▶ **What you should do**: Once you know how many lines below hold "PredefinedType", reply with that number and add nothing.

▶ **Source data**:
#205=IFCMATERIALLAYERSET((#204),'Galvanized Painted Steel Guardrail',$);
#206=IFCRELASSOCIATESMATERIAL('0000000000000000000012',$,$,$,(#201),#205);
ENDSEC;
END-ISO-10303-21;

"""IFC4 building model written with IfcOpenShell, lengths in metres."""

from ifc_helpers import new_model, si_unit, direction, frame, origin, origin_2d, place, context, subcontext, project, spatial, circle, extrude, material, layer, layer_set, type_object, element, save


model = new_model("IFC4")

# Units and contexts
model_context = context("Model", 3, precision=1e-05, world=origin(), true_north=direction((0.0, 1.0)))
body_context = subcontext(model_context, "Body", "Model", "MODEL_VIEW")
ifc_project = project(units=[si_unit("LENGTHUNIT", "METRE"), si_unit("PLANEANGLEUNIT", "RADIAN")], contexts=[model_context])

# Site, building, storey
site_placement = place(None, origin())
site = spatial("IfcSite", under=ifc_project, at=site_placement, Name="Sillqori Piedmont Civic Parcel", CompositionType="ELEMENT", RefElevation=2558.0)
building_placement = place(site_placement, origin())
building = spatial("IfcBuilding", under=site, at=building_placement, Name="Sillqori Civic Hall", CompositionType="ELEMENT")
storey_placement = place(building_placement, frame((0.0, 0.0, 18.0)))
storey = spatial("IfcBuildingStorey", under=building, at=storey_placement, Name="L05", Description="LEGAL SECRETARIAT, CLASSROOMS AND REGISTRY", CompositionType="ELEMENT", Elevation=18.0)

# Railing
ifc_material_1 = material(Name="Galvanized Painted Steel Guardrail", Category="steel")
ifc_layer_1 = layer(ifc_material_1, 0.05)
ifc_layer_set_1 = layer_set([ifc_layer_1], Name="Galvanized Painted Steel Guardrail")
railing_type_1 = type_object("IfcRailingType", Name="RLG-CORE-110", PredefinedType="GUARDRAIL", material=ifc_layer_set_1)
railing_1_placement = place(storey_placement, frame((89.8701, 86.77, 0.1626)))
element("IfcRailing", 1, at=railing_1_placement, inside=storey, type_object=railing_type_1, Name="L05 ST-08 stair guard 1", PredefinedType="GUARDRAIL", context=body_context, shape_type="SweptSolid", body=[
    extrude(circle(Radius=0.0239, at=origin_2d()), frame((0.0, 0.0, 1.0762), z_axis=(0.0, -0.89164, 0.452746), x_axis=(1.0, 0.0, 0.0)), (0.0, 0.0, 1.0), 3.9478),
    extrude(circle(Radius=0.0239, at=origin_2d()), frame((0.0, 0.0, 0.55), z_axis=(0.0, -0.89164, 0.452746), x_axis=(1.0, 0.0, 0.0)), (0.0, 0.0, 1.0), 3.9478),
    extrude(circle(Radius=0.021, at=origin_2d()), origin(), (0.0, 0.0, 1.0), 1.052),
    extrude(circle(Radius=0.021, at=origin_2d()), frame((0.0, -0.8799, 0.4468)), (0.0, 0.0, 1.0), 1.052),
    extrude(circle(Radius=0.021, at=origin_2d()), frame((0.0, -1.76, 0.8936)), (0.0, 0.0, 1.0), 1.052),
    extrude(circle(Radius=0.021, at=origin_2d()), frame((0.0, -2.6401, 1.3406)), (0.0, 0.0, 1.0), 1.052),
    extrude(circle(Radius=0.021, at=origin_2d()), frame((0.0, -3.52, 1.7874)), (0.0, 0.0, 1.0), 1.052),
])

▶ **Exercise solution**: 2